#### [Exercise description]
Using the data below, gather each line that includes the word "Meseta".

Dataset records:
- - - - -

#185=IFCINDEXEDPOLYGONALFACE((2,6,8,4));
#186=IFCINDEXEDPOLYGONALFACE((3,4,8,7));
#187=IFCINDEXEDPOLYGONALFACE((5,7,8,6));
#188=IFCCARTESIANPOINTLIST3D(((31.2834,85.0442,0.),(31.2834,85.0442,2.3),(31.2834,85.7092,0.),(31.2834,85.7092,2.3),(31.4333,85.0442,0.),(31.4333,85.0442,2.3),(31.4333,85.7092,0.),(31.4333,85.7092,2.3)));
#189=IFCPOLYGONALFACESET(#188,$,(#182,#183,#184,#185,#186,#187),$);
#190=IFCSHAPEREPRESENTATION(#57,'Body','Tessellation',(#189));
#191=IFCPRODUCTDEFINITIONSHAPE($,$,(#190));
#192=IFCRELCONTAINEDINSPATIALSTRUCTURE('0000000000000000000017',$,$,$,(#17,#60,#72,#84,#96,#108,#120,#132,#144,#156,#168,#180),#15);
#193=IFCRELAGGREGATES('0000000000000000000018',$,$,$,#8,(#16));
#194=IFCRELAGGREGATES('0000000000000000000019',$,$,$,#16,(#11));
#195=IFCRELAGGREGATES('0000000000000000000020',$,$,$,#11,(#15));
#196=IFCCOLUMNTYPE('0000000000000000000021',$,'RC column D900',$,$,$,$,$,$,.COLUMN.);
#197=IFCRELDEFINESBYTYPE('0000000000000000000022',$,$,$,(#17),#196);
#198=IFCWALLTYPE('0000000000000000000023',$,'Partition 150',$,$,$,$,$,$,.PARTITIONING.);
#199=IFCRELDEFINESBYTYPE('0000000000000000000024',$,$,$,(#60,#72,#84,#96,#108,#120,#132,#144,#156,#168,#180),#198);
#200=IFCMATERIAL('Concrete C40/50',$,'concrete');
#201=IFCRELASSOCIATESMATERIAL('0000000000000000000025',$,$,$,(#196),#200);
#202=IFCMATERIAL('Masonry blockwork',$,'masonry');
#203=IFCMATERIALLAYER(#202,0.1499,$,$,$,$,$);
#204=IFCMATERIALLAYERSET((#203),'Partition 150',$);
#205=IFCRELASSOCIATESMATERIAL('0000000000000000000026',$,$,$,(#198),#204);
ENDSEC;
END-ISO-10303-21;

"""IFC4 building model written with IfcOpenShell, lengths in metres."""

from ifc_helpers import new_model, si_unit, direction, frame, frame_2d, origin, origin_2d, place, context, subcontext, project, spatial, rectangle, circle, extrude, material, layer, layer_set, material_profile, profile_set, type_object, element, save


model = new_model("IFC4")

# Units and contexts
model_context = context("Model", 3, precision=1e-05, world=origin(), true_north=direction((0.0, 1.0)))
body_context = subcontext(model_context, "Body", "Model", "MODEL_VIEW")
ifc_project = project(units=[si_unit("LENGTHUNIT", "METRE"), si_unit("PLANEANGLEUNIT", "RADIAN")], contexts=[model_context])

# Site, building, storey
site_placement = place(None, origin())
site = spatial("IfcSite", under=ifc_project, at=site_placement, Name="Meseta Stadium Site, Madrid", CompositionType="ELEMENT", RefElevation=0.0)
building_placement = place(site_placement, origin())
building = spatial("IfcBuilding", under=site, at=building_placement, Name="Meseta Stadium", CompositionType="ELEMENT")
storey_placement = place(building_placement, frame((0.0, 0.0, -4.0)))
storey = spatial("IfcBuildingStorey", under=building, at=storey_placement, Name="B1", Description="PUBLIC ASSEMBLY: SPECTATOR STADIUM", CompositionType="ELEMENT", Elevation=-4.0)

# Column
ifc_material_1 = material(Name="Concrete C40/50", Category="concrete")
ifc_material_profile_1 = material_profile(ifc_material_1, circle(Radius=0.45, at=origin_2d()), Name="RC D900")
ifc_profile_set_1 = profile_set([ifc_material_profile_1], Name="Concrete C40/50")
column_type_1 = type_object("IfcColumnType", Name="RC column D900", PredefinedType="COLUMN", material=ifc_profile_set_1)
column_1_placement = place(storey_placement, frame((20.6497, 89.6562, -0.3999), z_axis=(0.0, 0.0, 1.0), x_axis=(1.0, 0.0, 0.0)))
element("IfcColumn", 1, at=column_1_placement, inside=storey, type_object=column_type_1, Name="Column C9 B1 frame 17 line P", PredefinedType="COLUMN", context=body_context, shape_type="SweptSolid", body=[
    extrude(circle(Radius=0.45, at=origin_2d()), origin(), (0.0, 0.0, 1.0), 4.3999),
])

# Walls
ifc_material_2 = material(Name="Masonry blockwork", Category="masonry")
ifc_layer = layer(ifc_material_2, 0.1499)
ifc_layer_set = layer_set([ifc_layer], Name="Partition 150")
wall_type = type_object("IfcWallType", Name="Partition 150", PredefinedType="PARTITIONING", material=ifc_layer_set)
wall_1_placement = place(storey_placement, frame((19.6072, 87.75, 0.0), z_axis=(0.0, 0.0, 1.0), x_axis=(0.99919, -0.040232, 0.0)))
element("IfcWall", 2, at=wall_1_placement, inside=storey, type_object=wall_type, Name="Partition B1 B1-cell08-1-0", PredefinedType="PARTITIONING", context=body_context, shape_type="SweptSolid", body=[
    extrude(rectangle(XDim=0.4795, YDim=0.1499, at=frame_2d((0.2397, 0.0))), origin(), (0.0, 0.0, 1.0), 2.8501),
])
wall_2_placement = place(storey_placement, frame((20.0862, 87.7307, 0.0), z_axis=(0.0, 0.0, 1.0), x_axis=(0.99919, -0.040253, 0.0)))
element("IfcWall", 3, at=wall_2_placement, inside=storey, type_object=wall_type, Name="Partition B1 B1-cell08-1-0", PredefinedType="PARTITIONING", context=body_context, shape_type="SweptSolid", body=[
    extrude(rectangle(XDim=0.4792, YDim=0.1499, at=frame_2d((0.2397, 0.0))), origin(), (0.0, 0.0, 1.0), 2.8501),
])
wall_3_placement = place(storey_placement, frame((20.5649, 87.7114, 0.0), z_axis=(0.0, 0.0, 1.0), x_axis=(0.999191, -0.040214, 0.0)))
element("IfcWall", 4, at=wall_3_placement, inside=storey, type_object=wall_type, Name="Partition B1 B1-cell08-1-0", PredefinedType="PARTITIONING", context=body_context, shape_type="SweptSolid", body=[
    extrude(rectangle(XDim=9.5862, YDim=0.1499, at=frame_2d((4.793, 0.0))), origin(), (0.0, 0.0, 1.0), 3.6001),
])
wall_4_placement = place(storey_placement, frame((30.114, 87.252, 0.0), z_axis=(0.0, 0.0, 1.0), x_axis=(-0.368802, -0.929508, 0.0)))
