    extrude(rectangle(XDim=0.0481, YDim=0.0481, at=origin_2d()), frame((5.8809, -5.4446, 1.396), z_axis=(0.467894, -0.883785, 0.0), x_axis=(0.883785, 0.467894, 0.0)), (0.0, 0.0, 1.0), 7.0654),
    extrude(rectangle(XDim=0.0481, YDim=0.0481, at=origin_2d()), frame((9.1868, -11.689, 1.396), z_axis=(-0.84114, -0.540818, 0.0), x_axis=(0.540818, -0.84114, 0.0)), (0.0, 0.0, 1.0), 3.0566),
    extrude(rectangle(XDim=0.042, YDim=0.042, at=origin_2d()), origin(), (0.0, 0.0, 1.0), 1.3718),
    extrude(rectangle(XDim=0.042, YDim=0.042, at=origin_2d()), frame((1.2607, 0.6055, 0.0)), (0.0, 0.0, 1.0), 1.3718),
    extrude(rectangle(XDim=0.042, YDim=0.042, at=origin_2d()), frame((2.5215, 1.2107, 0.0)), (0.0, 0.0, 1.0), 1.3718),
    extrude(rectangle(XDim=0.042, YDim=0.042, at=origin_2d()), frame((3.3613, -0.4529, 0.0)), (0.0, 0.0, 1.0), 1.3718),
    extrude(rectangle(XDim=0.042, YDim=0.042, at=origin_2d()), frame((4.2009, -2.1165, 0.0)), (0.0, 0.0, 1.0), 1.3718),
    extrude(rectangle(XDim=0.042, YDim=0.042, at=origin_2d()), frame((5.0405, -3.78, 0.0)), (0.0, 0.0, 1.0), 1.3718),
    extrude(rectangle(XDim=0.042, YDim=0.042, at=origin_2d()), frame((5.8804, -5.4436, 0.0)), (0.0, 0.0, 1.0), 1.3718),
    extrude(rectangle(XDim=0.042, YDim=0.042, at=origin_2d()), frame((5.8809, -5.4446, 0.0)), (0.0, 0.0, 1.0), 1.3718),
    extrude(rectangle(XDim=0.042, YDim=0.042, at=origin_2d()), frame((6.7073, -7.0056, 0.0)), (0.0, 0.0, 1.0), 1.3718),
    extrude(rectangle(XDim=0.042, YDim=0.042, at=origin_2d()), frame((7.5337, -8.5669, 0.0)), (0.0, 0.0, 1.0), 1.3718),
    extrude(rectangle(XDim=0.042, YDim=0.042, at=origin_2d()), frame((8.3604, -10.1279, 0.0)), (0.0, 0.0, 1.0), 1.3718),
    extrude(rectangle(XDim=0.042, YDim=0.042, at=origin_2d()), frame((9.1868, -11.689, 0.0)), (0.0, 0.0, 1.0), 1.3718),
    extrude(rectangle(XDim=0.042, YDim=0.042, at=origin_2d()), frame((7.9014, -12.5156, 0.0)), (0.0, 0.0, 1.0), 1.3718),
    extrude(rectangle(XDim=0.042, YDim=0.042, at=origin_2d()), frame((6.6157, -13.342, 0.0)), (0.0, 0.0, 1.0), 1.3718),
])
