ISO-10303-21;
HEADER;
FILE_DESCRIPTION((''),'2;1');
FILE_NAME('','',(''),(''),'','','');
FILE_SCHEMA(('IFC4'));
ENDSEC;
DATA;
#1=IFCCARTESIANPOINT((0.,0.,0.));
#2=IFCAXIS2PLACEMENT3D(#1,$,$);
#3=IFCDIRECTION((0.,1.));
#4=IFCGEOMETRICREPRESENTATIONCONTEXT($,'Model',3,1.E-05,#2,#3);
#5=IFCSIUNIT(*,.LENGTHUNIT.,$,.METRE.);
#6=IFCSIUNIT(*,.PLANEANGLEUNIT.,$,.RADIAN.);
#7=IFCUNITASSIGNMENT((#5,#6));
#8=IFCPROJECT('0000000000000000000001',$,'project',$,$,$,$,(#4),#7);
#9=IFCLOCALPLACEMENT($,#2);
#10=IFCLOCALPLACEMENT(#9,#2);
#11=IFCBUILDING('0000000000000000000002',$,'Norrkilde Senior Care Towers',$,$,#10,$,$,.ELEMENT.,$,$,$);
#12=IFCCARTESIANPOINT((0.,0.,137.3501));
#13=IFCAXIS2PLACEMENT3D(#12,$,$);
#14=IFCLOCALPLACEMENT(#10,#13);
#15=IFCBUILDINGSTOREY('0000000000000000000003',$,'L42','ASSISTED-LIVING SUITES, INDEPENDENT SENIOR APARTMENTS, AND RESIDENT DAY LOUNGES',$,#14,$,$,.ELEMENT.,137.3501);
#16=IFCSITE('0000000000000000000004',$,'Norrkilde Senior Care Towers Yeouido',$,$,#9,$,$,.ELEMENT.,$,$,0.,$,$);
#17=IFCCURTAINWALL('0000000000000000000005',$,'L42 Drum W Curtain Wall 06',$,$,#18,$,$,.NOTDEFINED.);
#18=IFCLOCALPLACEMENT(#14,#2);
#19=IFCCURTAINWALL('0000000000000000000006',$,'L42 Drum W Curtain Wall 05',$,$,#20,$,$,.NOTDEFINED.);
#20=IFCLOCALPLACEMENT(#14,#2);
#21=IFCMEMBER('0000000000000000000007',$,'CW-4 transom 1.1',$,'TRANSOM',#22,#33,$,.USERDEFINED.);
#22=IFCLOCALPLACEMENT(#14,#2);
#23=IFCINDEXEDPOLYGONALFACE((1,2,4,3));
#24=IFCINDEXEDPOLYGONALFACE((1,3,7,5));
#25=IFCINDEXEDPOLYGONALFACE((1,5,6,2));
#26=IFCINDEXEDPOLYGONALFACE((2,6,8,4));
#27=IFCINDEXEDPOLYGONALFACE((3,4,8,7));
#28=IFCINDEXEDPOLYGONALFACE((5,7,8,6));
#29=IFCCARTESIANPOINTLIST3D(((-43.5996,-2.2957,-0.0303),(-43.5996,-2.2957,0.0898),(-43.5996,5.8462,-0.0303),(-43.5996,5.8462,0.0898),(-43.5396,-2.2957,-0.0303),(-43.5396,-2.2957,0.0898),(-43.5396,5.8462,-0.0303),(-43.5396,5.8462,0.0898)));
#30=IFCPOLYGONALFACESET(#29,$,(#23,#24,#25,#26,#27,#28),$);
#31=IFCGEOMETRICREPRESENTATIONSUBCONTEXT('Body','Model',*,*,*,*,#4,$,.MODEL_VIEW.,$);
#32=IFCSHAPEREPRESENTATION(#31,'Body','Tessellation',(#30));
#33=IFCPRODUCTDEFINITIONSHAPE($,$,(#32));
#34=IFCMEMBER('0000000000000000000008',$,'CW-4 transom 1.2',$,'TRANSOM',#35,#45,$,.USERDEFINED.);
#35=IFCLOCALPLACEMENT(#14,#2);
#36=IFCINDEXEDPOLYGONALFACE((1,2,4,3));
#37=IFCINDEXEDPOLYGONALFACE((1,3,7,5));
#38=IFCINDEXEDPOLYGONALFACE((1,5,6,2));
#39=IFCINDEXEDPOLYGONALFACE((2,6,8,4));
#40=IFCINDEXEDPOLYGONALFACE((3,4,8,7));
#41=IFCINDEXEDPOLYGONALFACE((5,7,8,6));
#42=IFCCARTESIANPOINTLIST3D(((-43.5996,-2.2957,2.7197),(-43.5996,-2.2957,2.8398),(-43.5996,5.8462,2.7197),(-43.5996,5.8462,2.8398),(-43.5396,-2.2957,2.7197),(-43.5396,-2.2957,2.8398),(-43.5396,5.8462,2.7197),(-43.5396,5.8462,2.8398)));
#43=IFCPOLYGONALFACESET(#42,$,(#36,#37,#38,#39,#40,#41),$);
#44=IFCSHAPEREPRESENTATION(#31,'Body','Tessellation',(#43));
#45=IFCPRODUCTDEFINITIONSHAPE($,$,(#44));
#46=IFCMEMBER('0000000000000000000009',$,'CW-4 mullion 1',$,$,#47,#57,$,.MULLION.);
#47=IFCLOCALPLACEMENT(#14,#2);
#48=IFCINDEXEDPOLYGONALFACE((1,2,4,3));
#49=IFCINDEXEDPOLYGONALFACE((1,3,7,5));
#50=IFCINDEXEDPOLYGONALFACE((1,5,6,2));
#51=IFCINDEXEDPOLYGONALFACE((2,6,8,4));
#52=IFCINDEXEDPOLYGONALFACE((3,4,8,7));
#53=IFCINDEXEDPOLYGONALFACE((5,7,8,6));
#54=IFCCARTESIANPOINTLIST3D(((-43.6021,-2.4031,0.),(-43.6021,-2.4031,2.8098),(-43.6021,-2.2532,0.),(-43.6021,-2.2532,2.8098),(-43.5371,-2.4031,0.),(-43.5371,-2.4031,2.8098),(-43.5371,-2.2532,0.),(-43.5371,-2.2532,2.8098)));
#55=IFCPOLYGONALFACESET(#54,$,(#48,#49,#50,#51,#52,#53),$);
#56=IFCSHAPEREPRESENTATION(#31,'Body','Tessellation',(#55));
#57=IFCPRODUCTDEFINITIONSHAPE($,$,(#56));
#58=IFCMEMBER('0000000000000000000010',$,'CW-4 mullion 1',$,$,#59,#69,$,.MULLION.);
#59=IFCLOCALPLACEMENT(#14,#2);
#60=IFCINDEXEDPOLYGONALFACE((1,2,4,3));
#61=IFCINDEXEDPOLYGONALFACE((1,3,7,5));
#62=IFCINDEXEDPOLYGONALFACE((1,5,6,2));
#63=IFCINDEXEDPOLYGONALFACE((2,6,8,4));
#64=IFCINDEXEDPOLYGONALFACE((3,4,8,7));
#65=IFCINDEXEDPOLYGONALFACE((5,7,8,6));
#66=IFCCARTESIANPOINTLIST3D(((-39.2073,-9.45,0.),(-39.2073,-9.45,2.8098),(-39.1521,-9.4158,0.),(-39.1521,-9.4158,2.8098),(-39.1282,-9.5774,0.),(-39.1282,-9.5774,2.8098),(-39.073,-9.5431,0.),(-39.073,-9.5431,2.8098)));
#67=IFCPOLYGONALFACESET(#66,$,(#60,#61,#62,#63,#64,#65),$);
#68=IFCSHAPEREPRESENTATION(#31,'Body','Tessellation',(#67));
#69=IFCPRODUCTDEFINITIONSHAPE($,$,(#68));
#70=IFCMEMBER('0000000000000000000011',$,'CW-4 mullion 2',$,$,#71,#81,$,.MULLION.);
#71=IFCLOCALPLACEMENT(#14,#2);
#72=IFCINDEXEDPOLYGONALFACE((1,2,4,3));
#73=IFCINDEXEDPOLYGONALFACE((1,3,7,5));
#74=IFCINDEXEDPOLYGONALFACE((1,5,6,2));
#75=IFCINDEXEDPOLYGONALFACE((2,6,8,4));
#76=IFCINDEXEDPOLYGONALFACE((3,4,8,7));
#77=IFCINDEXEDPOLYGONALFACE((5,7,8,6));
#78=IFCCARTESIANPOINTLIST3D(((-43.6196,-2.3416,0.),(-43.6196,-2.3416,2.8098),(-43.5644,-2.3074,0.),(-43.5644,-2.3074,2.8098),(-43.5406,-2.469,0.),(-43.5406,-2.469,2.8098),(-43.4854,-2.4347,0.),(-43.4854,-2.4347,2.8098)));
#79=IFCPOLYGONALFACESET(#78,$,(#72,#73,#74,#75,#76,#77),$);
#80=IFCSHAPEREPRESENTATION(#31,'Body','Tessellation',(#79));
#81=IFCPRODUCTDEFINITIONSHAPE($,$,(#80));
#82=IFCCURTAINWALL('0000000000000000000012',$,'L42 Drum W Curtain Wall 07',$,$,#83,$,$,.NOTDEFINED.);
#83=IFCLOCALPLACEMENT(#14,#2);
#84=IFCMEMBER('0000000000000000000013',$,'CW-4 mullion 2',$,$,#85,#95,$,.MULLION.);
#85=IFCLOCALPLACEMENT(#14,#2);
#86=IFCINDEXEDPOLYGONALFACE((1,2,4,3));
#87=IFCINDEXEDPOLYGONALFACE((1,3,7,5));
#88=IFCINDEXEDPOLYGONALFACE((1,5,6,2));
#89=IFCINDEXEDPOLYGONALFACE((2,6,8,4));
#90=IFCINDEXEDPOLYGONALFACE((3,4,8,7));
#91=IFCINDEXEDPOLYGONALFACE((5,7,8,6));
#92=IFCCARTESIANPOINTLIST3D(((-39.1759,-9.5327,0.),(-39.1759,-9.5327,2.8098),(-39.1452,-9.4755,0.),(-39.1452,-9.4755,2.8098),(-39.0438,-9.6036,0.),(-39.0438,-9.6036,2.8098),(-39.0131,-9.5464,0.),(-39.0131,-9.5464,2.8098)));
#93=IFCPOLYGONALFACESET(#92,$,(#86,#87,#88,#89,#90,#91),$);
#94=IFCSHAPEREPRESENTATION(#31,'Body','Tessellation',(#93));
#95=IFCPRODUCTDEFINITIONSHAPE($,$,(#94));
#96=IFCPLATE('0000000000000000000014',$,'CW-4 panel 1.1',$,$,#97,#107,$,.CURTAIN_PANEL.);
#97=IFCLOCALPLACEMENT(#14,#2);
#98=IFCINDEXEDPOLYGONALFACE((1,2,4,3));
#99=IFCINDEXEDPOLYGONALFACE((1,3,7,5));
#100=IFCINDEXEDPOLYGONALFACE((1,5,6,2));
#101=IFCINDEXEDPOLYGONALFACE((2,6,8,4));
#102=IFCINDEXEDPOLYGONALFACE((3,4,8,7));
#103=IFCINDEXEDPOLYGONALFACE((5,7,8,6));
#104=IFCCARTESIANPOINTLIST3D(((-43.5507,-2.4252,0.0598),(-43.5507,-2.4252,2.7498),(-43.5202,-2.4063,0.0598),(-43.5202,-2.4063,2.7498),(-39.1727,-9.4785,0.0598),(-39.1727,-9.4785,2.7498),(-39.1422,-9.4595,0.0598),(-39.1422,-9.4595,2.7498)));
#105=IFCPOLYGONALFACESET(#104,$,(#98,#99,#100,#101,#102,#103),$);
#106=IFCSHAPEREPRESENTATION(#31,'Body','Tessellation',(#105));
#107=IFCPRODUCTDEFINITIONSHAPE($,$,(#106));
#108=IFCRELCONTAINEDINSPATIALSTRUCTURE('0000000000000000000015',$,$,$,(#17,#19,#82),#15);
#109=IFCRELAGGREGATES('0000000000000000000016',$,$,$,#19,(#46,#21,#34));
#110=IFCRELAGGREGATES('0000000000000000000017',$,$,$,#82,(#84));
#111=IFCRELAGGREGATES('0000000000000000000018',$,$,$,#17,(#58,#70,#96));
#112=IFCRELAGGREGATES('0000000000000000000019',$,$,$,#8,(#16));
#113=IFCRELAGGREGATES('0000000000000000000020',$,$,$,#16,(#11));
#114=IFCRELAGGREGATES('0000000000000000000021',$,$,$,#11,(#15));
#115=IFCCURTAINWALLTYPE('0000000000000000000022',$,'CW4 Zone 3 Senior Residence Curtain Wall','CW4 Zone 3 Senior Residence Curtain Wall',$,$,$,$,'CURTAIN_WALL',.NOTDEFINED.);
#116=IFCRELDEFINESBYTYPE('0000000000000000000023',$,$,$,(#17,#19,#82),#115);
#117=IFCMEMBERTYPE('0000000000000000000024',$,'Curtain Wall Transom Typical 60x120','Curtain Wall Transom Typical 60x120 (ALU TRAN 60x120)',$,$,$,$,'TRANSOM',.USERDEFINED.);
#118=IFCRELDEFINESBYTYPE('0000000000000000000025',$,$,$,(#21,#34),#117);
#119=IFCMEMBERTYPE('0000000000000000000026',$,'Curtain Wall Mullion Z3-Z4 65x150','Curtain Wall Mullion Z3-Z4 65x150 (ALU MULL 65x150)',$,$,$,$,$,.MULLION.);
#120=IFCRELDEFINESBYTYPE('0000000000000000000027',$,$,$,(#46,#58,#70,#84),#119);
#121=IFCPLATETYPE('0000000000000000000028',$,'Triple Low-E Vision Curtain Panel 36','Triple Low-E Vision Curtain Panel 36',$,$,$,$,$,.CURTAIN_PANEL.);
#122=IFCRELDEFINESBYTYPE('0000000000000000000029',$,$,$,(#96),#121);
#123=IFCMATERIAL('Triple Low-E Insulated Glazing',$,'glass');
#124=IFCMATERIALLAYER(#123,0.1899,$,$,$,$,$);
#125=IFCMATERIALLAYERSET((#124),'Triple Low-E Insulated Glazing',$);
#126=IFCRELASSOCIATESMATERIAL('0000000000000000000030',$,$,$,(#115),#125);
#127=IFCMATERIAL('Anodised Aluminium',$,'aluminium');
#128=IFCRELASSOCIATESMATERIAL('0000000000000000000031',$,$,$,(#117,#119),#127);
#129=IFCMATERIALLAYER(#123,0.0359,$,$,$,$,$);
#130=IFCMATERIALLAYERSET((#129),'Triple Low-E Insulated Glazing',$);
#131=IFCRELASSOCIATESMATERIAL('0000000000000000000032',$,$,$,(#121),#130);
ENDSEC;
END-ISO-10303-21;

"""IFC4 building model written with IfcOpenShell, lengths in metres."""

from ifc_helpers import new_model, si_unit, direction, frame, origin, origin_2d, place, context, subcontext, project, spatial, rectangle, extrude, source, transform, mapped, material, layer, layer_set, material_profile, profile_set, type_object, type_shapes, element, aggregate, save


model = new_model("IFC4")

# Units and contexts
model_context = context("Model", 3, precision=1e-05, world=origin(), true_north=direction((0.0, 1.0)))
body_context = subcontext(model_context, "Body", "Model", "MODEL_VIEW")
ifc_project = project(units=[si_unit("LENGTHUNIT", "METRE"), si_unit("PLANEANGLEUNIT", "RADIAN")], contexts=[model_context])

# Site, building, storey
site_placement = place(None, origin())
site = spatial("IfcSite", under=ifc_project, at=site_placement, Name="Norrkilde Senior Care Towers Yeouido", CompositionType="ELEMENT", RefElevation=0.0)
building_placement = place(site_placement, origin())
building = spatial("IfcBuilding", under=site, at=building_placement, Name="Norrkilde Senior Care Towers", CompositionType="ELEMENT")
storey_placement = place(building_placement, frame((0.0, 0.0, 137.3501)))
storey = spatial("IfcBuildingStorey", under=building, at=storey_placement, Name="L42", Description="ASSISTED-LIVING SUITES, INDEPENDENT SENIOR APARTMENTS, AND RESIDENT DAY LOUNGES", CompositionType="ELEMENT", Elevation=137.3501)

# Curtain walls, members
ifc_material_1 = material(Name="Triple Low-E Insulated Glazing", Category="glass")
ifc_layer_1 = layer(ifc_material_1, 0.1899)
ifc_layer_set_1 = layer_set([ifc_layer_1], Name="Triple Low-E Insulated Glazing")
curtain_wall_type = type_object("IfcCurtainWallType", Name="CW4 Zone 3 Senior Residence Curtain Wall", Description="CW4 Zone 3 Senior Residence Curtain Wall", ElementType="CURTAIN_WALL", PredefinedType="NOTDEFINED", material=ifc_layer_set_1)
curtain_wall_1_placement = place(storey_placement, origin())
curtain_wall_1 = element("IfcCurtainWall", 1, at=curtain_wall_1_placement, inside=storey, type_object=curtain_wall_type, Name="L42 Drum W Curtain Wall 06", PredefinedType="NOTDEFINED")
ifc_material_2 = material(Name="Anodised Aluminium", Category="aluminium")
ifc_material_profile_1 = material_profile(ifc_material_2, rectangle(XDim=0.0601, YDim=0.1201, at=origin_2d()), Name="ALU TRAN 60x120")
ifc_profile_set_1 = profile_set([ifc_material_profile_1], Name="Anodised Aluminium")
member_type_1 = type_object("IfcMemberType", Name="Curtain Wall Transom Typical 60x120", Description="Curtain Wall Transom Typical 60x120 (ALU TRAN 60x120)", ElementType="TRANSOM", PredefinedType="USERDEFINED", material=ifc_profile_set_1)
curtain_wall_2_placement = place(storey_placement, origin())
curtain_wall_2 = element("IfcCurtainWall", 2, at=curtain_wall_2_placement, inside=storey, type_object=curtain_wall_type, Name="L42 Drum W Curtain Wall 05", PredefinedType="NOTDEFINED")
shared_shape_1 = source(origin(), body_context, "Body", "SweptSolid", [
    extrude(rectangle(XDim=0.0601, YDim=0.1201, at=origin_2d()), origin(), (0.0, 0.0, 1.0), 8.1418),
])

- - - - -

#### [Problem solution]
site = spatial("IfcSite", under=ifc_project, at=site_placement, Name="Meseta Stadium Site, Madrid", CompositionType="ELEMENT", RefElevation=0.0)
building = spatial("IfcBuilding", under=site, at=building_placement, Name="Meseta Stadium", CompositionType="ELEMENT")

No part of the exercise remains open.